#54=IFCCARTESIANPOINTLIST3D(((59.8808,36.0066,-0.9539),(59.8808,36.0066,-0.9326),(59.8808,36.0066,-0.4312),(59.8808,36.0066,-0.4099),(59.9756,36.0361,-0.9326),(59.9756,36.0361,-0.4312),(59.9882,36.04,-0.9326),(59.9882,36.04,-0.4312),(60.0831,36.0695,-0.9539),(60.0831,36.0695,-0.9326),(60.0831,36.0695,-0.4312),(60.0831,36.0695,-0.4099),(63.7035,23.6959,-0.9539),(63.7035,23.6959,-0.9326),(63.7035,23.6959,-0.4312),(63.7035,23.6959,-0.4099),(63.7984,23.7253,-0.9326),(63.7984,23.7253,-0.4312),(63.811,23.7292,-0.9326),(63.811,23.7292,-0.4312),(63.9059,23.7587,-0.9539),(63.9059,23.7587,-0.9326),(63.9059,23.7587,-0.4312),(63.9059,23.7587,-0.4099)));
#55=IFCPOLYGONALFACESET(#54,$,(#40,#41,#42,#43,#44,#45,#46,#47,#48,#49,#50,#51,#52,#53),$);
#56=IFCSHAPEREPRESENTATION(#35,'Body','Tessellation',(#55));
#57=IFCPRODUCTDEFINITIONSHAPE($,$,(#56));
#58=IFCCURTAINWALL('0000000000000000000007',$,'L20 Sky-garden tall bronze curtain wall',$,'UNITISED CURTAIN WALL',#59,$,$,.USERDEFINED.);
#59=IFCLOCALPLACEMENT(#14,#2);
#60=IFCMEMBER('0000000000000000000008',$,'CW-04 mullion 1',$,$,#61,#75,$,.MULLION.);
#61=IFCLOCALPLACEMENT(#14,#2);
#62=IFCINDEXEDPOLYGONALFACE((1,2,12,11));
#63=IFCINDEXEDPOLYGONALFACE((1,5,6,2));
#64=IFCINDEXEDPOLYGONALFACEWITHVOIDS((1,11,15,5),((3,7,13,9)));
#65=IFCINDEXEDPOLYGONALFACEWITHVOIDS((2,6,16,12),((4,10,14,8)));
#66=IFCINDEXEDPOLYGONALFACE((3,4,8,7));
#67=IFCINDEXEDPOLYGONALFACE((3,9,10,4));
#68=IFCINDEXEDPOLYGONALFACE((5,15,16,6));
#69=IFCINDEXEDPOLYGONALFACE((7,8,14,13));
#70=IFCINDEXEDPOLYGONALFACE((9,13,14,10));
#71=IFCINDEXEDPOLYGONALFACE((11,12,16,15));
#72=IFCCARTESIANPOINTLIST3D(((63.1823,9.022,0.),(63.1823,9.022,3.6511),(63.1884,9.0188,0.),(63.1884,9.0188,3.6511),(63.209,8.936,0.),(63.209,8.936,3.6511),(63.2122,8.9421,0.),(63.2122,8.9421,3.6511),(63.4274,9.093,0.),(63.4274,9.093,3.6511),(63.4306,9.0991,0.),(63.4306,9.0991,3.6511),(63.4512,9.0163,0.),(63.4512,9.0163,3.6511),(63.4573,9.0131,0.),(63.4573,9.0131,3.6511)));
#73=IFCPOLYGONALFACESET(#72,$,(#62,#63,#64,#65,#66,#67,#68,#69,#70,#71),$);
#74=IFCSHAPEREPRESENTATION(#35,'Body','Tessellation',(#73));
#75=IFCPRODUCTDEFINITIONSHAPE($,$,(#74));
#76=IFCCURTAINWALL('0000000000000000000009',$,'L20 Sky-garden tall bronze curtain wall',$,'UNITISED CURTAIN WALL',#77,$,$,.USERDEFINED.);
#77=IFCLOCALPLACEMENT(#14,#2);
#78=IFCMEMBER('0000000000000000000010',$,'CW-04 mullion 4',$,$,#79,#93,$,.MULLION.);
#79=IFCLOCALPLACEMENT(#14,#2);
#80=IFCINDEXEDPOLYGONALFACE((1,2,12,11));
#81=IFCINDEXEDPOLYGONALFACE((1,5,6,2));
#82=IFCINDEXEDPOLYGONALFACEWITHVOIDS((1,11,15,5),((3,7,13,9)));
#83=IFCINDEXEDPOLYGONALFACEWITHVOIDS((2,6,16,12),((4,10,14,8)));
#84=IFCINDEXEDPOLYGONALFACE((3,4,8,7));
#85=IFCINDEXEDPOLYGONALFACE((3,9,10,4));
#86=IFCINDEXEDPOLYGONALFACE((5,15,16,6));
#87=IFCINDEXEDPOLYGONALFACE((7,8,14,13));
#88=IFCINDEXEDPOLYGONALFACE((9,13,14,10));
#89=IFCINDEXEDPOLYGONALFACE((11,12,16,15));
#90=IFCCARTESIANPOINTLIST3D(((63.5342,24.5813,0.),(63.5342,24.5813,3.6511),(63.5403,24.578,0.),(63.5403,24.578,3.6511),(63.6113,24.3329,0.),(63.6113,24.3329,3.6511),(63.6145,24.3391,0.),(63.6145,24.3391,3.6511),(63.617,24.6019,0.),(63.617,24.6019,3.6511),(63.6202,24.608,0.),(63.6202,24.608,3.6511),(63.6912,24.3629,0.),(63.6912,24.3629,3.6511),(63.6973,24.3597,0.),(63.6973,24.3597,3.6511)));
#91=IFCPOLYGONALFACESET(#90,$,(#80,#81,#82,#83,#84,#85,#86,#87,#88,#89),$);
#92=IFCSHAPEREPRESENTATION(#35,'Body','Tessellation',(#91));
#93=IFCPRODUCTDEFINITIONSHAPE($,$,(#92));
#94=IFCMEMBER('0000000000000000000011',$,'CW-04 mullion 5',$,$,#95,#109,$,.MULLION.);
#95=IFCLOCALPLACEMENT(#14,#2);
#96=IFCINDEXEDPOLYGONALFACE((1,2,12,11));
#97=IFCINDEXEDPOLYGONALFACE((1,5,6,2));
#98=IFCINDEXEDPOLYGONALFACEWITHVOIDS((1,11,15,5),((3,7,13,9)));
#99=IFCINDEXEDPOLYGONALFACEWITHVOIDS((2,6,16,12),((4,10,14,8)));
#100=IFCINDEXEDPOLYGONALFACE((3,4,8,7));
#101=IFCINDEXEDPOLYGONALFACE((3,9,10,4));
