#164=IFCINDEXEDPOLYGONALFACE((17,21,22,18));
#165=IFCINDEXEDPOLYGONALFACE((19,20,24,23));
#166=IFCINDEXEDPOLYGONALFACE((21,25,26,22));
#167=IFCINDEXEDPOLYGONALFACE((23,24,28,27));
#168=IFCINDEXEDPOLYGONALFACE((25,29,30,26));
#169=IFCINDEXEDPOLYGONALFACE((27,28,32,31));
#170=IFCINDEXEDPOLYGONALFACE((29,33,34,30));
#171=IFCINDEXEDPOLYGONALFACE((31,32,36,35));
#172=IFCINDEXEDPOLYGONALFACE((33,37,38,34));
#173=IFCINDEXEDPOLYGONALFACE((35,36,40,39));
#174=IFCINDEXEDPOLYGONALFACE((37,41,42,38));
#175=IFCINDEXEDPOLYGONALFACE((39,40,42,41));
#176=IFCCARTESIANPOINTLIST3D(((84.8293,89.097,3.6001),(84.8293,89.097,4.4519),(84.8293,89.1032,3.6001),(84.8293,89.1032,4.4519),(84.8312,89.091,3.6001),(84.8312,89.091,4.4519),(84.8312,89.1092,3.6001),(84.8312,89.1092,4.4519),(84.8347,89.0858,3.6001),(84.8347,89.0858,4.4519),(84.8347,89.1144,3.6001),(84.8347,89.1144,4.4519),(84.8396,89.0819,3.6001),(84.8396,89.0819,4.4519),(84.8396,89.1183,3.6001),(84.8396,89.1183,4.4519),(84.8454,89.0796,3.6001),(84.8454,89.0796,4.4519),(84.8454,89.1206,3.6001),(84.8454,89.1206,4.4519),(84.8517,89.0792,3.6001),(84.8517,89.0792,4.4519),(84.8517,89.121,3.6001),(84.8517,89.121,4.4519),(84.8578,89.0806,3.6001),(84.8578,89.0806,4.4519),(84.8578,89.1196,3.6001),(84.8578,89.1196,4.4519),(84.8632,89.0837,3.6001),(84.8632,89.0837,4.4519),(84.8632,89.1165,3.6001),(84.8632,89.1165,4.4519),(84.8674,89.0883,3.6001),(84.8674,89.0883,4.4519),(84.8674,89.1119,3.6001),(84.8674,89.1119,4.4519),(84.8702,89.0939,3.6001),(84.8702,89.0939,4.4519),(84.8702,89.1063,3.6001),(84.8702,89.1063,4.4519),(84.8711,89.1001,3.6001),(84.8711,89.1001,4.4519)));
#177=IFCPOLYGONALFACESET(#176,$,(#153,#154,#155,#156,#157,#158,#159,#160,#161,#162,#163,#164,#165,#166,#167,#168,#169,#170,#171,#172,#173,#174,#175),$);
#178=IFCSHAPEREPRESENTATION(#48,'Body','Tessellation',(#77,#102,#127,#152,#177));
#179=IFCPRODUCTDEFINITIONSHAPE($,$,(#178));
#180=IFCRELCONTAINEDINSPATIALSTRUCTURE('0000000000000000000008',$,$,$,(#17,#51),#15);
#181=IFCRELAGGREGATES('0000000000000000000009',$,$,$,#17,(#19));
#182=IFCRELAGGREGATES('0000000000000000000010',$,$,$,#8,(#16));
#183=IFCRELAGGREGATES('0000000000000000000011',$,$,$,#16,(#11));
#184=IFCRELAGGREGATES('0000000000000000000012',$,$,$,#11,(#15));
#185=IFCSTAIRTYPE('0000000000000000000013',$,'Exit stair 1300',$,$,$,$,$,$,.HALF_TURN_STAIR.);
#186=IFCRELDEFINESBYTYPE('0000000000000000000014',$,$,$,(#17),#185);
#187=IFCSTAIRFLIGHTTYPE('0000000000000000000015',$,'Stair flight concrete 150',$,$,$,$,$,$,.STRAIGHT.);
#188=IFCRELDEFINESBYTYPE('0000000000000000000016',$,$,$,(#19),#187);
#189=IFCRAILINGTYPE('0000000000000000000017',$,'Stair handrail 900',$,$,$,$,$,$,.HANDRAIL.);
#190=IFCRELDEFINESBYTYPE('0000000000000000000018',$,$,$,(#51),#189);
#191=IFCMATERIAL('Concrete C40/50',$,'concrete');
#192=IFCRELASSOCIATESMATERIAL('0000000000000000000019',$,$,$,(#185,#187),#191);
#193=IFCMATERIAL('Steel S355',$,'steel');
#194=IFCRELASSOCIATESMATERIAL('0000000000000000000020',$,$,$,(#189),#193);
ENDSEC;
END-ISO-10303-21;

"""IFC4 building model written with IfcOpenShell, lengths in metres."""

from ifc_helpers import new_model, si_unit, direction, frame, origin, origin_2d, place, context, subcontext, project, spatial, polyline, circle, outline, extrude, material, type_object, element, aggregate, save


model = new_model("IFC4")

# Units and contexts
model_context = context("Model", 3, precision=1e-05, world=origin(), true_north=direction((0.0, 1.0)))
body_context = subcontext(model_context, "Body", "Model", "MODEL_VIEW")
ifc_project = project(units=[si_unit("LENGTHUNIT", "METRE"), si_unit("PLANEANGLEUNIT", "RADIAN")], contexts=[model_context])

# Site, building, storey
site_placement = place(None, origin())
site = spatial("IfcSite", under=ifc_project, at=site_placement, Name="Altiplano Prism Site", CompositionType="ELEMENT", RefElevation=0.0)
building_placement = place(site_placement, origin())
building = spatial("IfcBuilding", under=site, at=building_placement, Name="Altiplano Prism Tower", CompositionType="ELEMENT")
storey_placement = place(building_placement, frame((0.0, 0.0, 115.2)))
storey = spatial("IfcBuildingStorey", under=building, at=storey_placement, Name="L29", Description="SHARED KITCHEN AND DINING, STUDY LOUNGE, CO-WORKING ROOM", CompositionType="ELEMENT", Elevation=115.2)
---+---
> _Task brief_: Go back to the listing above. Copy word for word the lines from the one with "#89=IFCINDEXEDPOLYGONALFACE((11,12,16,15));" through the one with "#175=IFCINDEXEDPOLYGONALFACE((39,40,42,41));", and nothing more.

> _Answer_:
#89=IFCINDEXEDPOLYGONALFACE((11,12,16,15));
#90=IFCCARTESIANPOINTLIST3D(((63.5342,24.5813,0.),(63.5342,24.5813,3.6511),(63.5403,24.578,0.),(63.5403,24.578,3.6511),(63.6113,24.3329,0.),(63.6113,24.3329,3.6511),(63.6145,24.3391,0.),(63.6145,24.3391,3.6511),(63.617,24.6019,0.),(63.617,24.6019,3.6511),(63.6202,24.608,0.),(63.6202,24.608,3.6511),(63.6912,24.3629,0.),(63.6912,24.3629,3.6511),(63.6973,24.3597,0.),(63.6973,24.3597,3.6511)));
#91=IFCPOLYGONALFACESET(#90,$,(#80,#81,#82,#83,#84,#85,#86,#87,#88,#89),$);
#92=IFCSHAPEREPRESENTATION(#35,'Body','Tessellation',(#91));
#93=IFCPRODUCTDEFINITIONSHAPE($,$,(#92));
#94=IFCMEMBER('0000000000000000000011',$,'CW-04 mullion 5',$,$,#95,#109,$,.MULLION.);
#95=IFCLOCALPLACEMENT(#14,#2);
#96=IFCINDEXEDPOLYGONALFACE((1,2,12,11));
#97=IFCINDEXEDPOLYGONALFACE((1,5,6,2));
#98=IFCINDEXEDPOLYGONALFACEWITHVOIDS((1,11,15,5),((3,7,13,9)));
#99=IFCINDEXEDPOLYGONALFACEWITHVOIDS((2,6,16,12),((4,10,14,8)));
#100=IFCINDEXEDPOLYGONALFACE((3,4,8,7));
#101=IFCINDEXEDPOLYGONALFACE((3,9,10,4));
#164=IFCINDEXEDPOLYGONALFACE((17,21,22,18));
#165=IFCINDEXEDPOLYGONALFACE((19,20,24,23));
#166=IFCINDEXEDPOLYGONALFACE((21,25,26,22));
#167=IFCINDEXEDPOLYGONALFACE((23,24,28,27));
#168=IFCINDEXEDPOLYGONALFACE((25,29,30,26));
#169=IFCINDEXEDPOLYGONALFACE((27,28,32,31));
#170=IFCINDEXEDPOLYGONALFACE((29,33,34,30));
#171=IFCINDEXEDPOLYGONALFACE((31,32,36,35));
#172=IFCINDEXEDPOLYGONALFACE((33,37,38,34));
#173=IFCINDEXEDPOLYGONALFACE((35,36,40,39));
#174=IFCINDEXEDPOLYGONALFACE((37,41,42,38));
#175=IFCINDEXEDPOLYGONALFACE((39,40,42,41));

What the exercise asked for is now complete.